WHAT YOU WILL DO
Print nothing but the lines below starting at the line that holds "#49=IFCINDEXEDPOLYGONALFACE((28,64,66,30));" and ending at the line that holds "#55=IFCINDEXEDPOLYGONALFACE((35,71,72,36));", including both, each exactly as written.

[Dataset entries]

·····

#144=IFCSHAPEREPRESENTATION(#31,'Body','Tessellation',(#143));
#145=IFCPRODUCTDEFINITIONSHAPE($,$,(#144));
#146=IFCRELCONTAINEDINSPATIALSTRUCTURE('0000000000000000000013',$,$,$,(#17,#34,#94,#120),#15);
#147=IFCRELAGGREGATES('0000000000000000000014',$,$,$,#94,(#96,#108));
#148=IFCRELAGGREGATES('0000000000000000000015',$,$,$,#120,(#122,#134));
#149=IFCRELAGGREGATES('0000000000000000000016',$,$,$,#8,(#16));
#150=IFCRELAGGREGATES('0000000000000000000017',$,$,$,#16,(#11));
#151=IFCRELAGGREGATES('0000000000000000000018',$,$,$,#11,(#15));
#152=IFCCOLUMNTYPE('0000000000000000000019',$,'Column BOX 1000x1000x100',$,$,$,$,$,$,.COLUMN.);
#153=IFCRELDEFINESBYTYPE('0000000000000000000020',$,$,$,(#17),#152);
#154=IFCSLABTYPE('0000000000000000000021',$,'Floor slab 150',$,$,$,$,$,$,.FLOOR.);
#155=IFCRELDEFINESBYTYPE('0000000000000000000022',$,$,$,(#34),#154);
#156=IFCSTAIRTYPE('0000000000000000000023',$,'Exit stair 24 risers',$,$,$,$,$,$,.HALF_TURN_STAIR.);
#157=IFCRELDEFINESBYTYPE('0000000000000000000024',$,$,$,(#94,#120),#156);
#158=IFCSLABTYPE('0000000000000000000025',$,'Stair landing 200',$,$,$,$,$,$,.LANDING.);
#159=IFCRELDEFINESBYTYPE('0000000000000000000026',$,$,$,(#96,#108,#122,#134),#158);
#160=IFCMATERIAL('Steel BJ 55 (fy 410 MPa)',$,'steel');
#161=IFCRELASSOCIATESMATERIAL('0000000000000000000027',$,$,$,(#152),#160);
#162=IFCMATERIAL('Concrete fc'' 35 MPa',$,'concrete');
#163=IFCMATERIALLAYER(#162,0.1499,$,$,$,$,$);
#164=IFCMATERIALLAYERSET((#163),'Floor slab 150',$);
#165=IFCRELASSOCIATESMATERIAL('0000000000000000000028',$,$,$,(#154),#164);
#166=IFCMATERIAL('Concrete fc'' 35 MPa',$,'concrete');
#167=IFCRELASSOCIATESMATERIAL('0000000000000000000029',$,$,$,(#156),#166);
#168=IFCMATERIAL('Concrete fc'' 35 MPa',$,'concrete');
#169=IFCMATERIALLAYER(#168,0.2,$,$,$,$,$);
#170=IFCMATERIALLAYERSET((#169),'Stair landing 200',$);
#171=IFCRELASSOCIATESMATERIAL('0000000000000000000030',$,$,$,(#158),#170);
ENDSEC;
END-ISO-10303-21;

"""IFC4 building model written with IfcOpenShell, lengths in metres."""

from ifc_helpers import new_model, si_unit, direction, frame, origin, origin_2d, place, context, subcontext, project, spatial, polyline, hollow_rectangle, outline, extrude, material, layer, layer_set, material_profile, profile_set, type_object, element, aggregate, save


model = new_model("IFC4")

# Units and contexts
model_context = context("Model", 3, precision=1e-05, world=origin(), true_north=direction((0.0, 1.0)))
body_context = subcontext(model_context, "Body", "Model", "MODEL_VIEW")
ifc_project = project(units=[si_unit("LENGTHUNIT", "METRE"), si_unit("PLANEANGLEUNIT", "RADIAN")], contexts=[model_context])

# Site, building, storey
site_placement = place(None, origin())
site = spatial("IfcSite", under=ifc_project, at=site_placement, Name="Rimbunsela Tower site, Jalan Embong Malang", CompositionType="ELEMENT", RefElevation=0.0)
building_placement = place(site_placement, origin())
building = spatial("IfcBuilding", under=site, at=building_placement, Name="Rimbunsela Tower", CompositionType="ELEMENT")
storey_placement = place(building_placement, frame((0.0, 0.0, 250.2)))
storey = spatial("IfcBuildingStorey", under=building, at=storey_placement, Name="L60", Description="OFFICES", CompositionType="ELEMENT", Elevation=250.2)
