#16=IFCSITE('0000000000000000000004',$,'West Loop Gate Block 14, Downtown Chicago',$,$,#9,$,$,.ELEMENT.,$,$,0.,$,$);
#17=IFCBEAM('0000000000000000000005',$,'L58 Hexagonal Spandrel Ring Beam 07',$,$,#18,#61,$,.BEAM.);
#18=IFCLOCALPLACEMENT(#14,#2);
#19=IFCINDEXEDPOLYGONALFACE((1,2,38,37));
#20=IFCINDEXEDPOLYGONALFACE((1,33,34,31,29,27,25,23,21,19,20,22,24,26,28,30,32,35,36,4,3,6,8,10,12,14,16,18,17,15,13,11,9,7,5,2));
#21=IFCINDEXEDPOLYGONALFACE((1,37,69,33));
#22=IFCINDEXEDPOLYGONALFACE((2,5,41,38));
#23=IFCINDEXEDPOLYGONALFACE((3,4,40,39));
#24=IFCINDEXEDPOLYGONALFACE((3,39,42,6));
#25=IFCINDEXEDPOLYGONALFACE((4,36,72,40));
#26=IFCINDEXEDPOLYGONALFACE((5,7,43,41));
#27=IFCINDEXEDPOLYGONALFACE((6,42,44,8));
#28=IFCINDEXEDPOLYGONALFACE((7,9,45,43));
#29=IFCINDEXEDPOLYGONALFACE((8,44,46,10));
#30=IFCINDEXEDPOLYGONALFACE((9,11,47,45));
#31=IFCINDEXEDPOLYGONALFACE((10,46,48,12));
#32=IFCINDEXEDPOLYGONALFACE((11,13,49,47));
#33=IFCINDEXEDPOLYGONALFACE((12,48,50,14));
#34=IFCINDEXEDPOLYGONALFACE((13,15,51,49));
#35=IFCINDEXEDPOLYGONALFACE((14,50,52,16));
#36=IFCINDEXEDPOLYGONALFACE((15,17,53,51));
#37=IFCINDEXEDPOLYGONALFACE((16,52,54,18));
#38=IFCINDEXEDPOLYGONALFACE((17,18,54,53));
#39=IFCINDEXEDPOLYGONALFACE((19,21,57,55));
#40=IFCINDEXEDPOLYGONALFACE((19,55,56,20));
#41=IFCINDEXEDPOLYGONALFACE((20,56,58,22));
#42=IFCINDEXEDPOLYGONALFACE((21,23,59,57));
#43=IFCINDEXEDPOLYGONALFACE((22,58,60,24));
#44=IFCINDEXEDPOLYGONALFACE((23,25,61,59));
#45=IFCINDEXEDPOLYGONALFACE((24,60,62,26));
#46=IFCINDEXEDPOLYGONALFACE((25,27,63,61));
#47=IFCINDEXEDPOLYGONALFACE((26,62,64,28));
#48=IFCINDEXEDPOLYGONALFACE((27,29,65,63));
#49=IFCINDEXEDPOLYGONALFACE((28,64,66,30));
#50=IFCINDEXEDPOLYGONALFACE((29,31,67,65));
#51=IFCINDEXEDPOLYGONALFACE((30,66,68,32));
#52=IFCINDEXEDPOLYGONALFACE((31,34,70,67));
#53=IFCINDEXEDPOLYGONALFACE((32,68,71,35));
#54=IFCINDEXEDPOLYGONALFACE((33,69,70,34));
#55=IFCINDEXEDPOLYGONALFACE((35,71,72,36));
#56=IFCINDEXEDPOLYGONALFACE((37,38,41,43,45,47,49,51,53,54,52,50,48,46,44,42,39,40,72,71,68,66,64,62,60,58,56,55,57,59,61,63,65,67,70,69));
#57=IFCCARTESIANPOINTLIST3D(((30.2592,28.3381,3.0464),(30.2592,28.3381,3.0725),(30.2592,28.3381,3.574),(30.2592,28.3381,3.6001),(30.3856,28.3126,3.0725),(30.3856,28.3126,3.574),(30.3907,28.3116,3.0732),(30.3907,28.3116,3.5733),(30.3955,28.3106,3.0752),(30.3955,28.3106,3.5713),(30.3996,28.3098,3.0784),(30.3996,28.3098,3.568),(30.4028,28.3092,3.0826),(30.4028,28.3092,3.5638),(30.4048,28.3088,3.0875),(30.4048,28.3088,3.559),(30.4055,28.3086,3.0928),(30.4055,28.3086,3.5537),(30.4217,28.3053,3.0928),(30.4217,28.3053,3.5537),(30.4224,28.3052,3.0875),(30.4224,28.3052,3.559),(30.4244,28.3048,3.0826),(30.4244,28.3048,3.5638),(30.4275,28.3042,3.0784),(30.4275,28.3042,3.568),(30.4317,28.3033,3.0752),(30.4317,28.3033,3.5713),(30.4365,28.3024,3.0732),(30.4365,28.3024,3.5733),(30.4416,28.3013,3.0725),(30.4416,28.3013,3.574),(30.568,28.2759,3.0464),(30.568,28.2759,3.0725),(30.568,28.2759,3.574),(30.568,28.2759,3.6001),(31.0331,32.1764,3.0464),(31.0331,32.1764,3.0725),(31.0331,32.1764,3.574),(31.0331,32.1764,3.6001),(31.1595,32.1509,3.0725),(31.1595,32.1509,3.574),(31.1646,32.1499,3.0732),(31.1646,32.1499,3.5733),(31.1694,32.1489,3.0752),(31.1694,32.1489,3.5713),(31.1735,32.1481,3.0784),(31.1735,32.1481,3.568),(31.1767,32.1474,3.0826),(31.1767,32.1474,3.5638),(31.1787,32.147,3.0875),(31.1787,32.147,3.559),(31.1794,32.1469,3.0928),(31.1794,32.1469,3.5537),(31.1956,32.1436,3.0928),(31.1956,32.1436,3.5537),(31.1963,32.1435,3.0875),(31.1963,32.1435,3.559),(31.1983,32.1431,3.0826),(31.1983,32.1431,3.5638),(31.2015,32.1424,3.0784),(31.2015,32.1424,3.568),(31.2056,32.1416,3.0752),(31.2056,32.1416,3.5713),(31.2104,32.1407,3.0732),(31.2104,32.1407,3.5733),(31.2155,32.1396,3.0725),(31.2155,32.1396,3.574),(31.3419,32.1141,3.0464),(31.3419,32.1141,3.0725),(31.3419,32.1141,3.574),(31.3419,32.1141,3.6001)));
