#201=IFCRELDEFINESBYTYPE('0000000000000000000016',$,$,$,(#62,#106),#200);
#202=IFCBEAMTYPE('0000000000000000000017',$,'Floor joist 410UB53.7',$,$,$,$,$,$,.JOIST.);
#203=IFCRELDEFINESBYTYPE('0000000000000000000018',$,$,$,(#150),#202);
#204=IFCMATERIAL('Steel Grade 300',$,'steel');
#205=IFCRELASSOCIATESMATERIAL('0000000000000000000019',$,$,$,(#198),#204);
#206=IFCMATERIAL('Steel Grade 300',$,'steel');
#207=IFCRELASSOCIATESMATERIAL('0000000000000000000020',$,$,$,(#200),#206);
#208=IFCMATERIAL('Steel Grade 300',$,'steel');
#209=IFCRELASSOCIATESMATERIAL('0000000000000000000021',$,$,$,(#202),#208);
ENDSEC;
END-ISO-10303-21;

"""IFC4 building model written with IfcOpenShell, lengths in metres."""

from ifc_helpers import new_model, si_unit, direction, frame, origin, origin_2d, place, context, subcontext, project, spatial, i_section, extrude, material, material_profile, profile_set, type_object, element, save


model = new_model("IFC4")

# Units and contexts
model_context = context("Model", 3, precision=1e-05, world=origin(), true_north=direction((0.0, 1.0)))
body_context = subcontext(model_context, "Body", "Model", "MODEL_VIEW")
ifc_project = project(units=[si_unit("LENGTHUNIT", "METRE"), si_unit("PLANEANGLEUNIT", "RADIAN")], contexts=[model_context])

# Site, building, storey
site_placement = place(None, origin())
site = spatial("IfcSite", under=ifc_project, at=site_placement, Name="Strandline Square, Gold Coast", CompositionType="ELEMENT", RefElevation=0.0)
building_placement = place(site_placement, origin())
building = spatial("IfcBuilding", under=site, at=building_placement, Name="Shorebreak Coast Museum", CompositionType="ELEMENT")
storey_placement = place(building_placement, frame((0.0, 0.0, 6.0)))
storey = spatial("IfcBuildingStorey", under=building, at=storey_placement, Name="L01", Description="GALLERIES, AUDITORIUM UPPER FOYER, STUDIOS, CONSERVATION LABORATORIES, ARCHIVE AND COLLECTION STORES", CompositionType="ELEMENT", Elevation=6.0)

·····

YOUR SOLUTION
#49=IFCINDEXEDPOLYGONALFACE((28,64,66,30));
#50=IFCINDEXEDPOLYGONALFACE((29,31,67,65));
#51=IFCINDEXEDPOLYGONALFACE((30,66,68,32));
#52=IFCINDEXEDPOLYGONALFACE((31,34,70,67));
#53=IFCINDEXEDPOLYGONALFACE((32,68,71,35));
#54=IFCINDEXEDPOLYGONALFACE((33,69,70,34));
#55=IFCINDEXEDPOLYGONALFACE((35,71,72,36));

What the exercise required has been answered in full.